┌──

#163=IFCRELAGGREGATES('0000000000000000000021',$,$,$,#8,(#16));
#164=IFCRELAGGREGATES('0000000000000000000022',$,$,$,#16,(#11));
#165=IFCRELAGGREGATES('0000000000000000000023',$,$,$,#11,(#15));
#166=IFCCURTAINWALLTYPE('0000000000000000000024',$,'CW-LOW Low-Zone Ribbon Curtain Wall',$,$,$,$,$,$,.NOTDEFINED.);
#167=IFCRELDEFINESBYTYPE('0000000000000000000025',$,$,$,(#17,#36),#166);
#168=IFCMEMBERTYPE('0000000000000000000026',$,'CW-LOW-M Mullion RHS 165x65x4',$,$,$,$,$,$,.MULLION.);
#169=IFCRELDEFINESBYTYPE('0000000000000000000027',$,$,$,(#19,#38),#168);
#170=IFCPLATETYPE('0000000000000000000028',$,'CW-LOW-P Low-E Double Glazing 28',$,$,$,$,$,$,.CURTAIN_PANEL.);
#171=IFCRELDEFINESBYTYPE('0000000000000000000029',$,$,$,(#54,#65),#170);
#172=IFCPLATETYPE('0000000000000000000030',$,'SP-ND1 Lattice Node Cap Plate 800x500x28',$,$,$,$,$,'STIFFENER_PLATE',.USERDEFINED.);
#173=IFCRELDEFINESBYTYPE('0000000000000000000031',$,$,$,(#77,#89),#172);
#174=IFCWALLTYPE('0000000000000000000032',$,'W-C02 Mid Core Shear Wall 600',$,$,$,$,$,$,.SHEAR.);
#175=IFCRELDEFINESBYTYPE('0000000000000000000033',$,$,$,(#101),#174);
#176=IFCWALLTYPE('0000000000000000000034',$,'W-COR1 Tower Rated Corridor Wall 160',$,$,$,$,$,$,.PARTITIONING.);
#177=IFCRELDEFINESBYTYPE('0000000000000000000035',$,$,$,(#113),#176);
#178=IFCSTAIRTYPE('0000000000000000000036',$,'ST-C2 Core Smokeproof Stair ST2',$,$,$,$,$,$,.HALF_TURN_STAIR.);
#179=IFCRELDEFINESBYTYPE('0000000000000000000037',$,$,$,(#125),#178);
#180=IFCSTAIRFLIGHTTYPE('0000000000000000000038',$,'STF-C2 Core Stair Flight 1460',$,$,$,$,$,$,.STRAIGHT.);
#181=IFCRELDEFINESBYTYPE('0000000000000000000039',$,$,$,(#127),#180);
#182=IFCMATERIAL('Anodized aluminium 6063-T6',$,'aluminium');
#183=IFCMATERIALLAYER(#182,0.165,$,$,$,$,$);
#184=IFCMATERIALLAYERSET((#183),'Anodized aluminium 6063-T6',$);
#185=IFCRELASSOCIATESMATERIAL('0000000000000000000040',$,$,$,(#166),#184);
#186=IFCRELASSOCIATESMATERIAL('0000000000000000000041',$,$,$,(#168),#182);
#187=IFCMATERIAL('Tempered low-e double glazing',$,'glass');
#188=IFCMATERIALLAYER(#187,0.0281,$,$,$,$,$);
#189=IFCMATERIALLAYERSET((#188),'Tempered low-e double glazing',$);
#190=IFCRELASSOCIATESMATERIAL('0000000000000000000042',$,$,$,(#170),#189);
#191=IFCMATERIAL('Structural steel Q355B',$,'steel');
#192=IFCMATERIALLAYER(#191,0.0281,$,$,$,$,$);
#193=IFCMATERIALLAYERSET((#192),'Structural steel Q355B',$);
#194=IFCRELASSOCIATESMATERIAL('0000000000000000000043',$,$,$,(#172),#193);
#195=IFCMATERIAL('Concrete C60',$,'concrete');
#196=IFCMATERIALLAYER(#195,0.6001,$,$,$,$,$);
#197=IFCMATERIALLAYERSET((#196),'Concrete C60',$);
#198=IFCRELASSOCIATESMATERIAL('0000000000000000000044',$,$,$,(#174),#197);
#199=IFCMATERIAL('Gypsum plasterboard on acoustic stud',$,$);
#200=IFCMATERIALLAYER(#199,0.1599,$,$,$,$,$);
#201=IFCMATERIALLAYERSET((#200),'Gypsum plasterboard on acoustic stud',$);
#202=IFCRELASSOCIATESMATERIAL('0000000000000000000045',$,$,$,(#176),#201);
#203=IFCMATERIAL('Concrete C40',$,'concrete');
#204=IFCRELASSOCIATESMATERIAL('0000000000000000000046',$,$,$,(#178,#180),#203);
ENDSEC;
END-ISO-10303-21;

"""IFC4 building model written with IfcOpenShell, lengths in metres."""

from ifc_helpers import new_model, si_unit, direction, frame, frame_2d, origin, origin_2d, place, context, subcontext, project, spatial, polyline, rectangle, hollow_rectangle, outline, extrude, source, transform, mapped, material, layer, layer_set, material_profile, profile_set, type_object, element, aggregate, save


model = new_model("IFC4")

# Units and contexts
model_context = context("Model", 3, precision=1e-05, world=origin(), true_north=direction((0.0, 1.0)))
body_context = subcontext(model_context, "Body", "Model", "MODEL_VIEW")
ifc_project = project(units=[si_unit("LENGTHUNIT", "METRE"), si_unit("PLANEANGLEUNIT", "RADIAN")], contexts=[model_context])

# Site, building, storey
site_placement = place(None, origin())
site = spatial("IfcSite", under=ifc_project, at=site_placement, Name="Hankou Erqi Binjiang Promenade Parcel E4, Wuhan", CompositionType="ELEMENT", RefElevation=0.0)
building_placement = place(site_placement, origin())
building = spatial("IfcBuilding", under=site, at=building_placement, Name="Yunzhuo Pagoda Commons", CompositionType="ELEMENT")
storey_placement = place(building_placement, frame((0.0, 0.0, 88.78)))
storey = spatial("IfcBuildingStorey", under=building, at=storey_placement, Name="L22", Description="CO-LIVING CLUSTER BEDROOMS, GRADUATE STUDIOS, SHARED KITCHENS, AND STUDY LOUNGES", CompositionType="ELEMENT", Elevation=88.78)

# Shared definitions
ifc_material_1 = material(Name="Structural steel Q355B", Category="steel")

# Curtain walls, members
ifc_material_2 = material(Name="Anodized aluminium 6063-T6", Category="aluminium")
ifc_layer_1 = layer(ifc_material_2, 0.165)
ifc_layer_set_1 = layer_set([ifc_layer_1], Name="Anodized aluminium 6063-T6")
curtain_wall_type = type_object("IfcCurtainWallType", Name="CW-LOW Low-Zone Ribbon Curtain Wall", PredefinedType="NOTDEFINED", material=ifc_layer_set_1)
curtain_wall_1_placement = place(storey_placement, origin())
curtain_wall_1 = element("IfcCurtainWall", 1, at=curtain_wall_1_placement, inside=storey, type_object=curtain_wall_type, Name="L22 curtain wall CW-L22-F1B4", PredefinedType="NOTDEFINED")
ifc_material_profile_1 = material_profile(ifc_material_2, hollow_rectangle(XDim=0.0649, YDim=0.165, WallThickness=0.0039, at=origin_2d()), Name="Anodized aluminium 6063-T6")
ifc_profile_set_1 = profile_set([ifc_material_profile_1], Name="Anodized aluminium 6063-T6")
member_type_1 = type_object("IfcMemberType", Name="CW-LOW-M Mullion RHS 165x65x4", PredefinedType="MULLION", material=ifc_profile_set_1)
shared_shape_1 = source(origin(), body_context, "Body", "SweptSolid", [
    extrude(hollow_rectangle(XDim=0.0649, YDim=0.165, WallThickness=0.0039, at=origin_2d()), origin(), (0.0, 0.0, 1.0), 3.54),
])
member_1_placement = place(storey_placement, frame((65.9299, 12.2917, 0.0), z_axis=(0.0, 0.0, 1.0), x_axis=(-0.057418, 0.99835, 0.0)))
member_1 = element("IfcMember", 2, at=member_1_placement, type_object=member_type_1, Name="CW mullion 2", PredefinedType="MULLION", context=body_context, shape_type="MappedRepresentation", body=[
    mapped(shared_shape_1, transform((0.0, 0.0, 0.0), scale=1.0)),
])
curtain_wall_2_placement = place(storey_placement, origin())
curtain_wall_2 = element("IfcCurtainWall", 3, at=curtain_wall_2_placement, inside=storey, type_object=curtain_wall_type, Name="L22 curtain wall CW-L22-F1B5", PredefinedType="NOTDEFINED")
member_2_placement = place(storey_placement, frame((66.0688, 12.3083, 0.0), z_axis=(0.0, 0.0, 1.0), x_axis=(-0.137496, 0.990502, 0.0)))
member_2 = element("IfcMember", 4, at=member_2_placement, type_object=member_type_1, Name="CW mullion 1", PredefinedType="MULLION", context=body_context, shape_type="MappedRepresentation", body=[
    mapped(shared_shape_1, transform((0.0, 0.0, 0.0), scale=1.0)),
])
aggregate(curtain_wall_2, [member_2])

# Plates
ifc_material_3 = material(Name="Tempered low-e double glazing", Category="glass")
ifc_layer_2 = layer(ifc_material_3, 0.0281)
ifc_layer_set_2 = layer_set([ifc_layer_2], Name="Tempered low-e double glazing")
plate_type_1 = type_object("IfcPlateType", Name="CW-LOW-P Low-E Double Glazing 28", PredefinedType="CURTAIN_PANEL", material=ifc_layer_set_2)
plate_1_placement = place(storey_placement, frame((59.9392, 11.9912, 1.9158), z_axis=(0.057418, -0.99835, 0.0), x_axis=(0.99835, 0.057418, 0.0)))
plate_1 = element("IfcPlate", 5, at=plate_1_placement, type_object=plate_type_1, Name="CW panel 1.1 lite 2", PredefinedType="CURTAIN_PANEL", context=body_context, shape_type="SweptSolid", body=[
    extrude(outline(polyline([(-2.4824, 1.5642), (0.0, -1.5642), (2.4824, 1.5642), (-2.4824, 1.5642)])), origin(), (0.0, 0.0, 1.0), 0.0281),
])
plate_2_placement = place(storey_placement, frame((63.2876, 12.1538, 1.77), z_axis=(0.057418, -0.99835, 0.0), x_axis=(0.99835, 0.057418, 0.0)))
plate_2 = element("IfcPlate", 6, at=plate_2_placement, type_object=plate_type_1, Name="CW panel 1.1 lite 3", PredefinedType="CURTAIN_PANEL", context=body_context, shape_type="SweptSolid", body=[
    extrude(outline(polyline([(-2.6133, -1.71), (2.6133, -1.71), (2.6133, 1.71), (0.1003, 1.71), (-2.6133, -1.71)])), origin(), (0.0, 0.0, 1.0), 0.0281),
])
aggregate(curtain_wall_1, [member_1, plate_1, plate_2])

└──

§ **Aim of the task**
I'd like an exact copy of the lines above, from the very first one through the line that contains "#184=IFCMATERIALLAYERSET((#183),'Anodized aluminium 6063-T6',$);", with nothing else added.

§ **Solution to the problem**
#163=IFCRELAGGREGATES('0000000000000000000021',$,$,$,#8,(#16));
#164=IFCRELAGGREGATES('0000000000000000000022',$,$,$,#16,(#11));
#165=IFCRELAGGREGATES('0000000000000000000023',$,$,$,#11,(#15));
#166=IFCCURTAINWALLTYPE('0000000000000000000024',$,'CW-LOW Low-Zone Ribbon Curtain Wall',$,$,$,$,$,$,.NOTDEFINED.);
#167=IFCRELDEFINESBYTYPE('0000000000000000000025',$,$,$,(#17,#36),#166);
#168=IFCMEMBERTYPE('0000000000000000000026',$,'CW-LOW-M Mullion RHS 165x65x4',$,$,$,$,$,$,.MULLION.);
#169=IFCRELDEFINESBYTYPE('0000000000000000000027',$,$,$,(#19,#38),#168);
#170=IFCPLATETYPE('0000000000000000000028',$,'CW-LOW-P Low-E Double Glazing 28',$,$,$,$,$,$,.CURTAIN_PANEL.);
#171=IFCRELDEFINESBYTYPE('0000000000000000000029',$,$,$,(#54,#65),#170);
#172=IFCPLATETYPE('0000000000000000000030',$,'SP-ND1 Lattice Node Cap Plate 800x500x28',$,$,$,$,$,'STIFFENER_PLATE',.USERDEFINED.);
#173=IFCRELDEFINESBYTYPE('0000000000000000000031',$,$,$,(#77,#89),#172);
#174=IFCWALLTYPE('0000000000000000000032',$,'W-C02 Mid Core Shear Wall 600',$,$,$,$,$,$,.SHEAR.);
#175=IFCRELDEFINESBYTYPE('0000000000000000000033',$,$,$,(#101),#174);
#176=IFCWALLTYPE('0000000000000000000034',$,'W-COR1 Tower Rated Corridor Wall 160',$,$,$,$,$,$,.PARTITIONING.);
#177=IFCRELDEFINESBYTYPE('0000000000000000000035',$,$,$,(#113),#176);
#178=IFCSTAIRTYPE('0000000000000000000036',$,'ST-C2 Core Smokeproof Stair ST2',$,$,$,$,$,$,.HALF_TURN_STAIR.);
#179=IFCRELDEFINESBYTYPE('0000000000000000000037',$,$,$,(#125),#178);
#180=IFCSTAIRFLIGHTTYPE('0000000000000000000038',$,'STF-C2 Core Stair Flight 1460',$,$,$,$,$,$,.STRAIGHT.);
#181=IFCRELDEFINESBYTYPE('0000000000000000000039',$,$,$,(#127),#180);
#182=IFCMATERIAL('Anodized aluminium 6063-T6',$,'aluminium');
#183=IFCMATERIALLAYER(#182,0.165,$,$,$,$,$);
#184=IFCMATERIALLAYERSET((#183),'Anodized aluminium 6063-T6',$);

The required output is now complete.